◆ What is required
Below this line is a set of entries; quote exactly the lines from the line that contains "world=origin(), true_north=direction((0.0, 1.0)))" to the line that contains "frame((0.0, 0.0, 182.3999)))", both lines included.

◆ Saved entries
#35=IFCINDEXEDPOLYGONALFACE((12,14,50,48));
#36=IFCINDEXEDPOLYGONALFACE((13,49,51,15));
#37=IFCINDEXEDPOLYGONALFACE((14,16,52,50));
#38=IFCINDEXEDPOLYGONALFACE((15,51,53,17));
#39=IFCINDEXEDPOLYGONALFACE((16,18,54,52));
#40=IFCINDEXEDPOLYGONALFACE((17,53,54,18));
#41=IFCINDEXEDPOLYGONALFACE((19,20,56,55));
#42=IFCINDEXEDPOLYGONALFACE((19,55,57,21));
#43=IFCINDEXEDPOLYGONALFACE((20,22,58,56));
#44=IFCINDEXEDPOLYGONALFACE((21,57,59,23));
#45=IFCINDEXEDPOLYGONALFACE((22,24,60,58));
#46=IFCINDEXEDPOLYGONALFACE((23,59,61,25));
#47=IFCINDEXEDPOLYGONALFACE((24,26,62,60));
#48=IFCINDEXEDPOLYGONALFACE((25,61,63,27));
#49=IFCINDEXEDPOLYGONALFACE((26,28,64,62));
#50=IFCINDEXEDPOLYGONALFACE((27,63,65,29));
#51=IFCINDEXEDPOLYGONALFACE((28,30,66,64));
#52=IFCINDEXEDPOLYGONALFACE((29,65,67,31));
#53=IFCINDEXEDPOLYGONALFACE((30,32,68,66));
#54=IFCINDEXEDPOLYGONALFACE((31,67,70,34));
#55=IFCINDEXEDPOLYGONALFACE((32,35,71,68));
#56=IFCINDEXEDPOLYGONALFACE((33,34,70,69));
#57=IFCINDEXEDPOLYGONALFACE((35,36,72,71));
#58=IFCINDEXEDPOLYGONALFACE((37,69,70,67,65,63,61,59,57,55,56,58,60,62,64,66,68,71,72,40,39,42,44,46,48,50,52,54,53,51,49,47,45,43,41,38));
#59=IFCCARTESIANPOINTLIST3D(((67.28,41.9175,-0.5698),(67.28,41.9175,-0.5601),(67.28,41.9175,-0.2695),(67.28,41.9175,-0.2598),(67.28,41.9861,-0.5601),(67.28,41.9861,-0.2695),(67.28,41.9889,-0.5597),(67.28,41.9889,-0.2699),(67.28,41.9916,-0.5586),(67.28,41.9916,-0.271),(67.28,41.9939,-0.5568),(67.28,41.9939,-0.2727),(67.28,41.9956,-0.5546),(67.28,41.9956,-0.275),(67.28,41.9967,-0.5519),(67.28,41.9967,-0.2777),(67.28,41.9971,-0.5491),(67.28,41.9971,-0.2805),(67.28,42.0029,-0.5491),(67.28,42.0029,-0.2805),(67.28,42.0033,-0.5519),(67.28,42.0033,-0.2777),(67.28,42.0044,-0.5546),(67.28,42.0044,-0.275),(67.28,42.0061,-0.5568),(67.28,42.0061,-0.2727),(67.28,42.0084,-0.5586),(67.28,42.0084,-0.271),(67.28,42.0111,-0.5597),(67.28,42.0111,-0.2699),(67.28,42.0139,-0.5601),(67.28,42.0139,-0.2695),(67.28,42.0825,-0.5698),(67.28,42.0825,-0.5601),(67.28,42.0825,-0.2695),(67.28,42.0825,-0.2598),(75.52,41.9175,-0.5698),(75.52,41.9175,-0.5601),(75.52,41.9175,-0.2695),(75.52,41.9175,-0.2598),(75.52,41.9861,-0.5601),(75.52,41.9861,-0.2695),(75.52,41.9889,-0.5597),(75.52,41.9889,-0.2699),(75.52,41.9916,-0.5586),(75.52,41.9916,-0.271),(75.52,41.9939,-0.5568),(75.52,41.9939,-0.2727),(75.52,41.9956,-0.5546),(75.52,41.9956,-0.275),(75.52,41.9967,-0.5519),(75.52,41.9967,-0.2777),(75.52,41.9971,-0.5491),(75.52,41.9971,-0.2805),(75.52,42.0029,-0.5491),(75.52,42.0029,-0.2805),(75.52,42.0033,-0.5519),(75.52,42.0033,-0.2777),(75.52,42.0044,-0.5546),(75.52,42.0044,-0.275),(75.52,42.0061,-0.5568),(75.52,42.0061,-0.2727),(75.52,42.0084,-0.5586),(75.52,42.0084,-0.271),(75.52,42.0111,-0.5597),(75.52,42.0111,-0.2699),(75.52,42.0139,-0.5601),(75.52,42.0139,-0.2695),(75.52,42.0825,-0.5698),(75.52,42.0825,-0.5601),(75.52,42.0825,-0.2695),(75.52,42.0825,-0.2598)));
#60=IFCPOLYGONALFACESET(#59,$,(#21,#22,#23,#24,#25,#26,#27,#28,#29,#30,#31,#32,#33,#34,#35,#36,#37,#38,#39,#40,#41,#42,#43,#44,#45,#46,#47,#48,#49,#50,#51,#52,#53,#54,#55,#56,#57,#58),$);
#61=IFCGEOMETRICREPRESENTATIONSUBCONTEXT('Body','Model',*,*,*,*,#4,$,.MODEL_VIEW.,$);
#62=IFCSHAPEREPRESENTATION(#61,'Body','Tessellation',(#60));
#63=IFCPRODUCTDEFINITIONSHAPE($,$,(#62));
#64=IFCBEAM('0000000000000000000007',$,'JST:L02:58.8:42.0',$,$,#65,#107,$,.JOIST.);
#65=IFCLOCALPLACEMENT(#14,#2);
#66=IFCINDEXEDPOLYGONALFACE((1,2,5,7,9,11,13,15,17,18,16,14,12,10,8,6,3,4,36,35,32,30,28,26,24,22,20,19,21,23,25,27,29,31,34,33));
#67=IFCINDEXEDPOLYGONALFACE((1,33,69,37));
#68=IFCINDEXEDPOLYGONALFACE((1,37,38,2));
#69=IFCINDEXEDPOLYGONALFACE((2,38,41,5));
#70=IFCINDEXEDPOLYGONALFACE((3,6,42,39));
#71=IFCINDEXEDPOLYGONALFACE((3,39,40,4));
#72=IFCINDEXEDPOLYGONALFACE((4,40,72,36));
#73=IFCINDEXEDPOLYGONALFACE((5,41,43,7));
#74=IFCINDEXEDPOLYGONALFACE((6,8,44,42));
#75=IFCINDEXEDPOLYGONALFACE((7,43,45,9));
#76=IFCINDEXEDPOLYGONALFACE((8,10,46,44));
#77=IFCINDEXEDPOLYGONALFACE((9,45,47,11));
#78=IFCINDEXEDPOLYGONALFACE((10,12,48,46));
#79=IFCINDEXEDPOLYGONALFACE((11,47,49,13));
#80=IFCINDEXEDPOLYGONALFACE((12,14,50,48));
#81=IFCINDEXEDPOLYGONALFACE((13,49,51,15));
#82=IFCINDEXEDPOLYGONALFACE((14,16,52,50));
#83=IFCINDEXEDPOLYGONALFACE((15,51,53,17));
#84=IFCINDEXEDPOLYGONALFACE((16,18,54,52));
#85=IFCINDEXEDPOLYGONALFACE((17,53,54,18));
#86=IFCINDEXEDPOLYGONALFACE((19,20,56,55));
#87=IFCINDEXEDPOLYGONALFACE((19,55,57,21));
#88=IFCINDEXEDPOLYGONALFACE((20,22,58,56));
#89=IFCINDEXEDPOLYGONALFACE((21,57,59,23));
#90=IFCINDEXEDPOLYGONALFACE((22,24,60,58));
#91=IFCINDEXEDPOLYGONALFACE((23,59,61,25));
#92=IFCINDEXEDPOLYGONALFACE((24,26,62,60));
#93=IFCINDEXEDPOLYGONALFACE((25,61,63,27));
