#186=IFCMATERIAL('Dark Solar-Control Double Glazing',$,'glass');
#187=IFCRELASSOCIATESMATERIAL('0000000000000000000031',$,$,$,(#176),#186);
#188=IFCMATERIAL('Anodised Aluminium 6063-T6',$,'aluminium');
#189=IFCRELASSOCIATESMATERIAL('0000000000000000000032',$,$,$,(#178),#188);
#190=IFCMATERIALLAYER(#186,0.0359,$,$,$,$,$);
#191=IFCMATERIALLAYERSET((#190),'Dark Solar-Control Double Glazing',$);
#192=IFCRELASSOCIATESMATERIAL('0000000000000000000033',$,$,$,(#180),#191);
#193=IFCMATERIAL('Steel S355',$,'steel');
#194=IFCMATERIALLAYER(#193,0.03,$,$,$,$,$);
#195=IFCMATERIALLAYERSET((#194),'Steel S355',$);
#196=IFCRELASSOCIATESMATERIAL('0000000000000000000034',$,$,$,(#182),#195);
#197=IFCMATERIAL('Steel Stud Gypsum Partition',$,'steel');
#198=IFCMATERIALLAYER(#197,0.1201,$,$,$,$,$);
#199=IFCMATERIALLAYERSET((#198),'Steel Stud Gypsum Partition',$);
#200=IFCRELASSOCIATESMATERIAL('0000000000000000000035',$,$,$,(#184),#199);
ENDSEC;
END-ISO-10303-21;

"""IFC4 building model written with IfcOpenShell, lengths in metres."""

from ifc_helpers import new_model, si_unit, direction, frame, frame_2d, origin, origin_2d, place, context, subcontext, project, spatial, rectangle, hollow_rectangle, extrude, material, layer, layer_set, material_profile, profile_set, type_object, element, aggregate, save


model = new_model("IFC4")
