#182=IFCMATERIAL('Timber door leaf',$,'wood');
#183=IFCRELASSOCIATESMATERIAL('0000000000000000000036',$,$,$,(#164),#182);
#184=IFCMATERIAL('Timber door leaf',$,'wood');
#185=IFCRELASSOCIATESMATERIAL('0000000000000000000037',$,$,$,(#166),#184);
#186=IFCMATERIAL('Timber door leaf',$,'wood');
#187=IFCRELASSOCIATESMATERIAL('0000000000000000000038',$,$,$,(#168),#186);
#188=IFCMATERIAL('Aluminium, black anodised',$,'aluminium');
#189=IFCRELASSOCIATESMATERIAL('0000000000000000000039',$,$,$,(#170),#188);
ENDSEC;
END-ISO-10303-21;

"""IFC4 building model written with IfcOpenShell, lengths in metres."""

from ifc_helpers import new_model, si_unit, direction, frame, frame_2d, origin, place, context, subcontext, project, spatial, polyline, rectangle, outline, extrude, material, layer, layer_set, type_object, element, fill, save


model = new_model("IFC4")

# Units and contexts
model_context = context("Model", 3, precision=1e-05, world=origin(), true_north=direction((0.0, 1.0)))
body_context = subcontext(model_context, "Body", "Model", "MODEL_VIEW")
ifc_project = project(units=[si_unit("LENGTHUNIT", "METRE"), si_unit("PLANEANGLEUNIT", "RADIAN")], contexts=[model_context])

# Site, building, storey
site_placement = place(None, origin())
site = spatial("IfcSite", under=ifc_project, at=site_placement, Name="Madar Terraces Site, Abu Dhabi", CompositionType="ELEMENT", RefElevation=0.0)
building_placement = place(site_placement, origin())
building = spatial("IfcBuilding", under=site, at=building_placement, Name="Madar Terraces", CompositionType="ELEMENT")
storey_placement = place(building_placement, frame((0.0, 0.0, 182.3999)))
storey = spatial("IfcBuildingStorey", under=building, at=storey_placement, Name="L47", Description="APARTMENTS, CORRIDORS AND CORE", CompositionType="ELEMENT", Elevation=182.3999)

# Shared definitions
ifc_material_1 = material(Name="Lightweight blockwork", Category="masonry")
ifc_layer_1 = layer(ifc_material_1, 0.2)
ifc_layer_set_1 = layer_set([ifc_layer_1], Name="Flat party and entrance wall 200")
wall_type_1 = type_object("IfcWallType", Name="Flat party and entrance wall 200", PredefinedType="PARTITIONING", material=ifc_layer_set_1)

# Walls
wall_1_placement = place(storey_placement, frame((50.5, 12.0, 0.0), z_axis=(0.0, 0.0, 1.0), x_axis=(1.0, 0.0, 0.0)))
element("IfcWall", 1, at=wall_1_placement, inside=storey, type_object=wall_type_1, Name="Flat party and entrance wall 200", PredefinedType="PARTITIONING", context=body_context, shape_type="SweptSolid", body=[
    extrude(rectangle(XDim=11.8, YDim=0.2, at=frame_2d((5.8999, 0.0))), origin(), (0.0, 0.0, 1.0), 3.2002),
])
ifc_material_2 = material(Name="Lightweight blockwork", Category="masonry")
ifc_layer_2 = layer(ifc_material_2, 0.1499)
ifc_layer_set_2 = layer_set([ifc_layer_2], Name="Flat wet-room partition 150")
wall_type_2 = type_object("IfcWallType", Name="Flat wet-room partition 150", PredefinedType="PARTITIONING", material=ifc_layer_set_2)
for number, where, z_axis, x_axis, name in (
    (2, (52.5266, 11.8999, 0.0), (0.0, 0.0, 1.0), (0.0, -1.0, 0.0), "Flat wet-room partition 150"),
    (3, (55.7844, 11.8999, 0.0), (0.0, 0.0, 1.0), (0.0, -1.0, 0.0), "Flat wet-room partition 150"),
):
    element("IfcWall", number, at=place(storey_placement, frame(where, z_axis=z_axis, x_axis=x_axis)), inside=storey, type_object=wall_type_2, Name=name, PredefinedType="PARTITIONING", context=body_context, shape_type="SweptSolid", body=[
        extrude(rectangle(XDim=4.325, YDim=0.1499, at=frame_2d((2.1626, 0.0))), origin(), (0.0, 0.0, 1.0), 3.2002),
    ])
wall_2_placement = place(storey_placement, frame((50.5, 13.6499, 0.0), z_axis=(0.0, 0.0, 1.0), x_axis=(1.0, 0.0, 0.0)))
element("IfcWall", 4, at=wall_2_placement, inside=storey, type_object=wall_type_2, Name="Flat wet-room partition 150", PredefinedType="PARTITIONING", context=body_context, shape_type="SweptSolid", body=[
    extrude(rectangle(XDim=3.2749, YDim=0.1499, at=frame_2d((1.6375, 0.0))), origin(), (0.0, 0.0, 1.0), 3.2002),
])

◆ The answer
model_context = context("Model", 3, precision=1e-05, world=origin(), true_north=direction((0.0, 1.0)))
body_context = subcontext(model_context, "Body", "Model", "MODEL_VIEW")
ifc_project = project(units=[si_unit("LENGTHUNIT", "METRE"), si_unit("PLANEANGLEUNIT", "RADIAN")], contexts=[model_context])

# Site, building, storey
site_placement = place(None, origin())
site = spatial("IfcSite", under=ifc_project, at=site_placement, Name="Madar Terraces Site, Abu Dhabi", CompositionType="ELEMENT", RefElevation=0.0)
building_placement = place(site_placement, origin())
building = spatial("IfcBuilding", under=site, at=building_placement, Name="Madar Terraces", CompositionType="ELEMENT")
storey_placement = place(building_placement, frame((0.0, 0.0, 182.3999)))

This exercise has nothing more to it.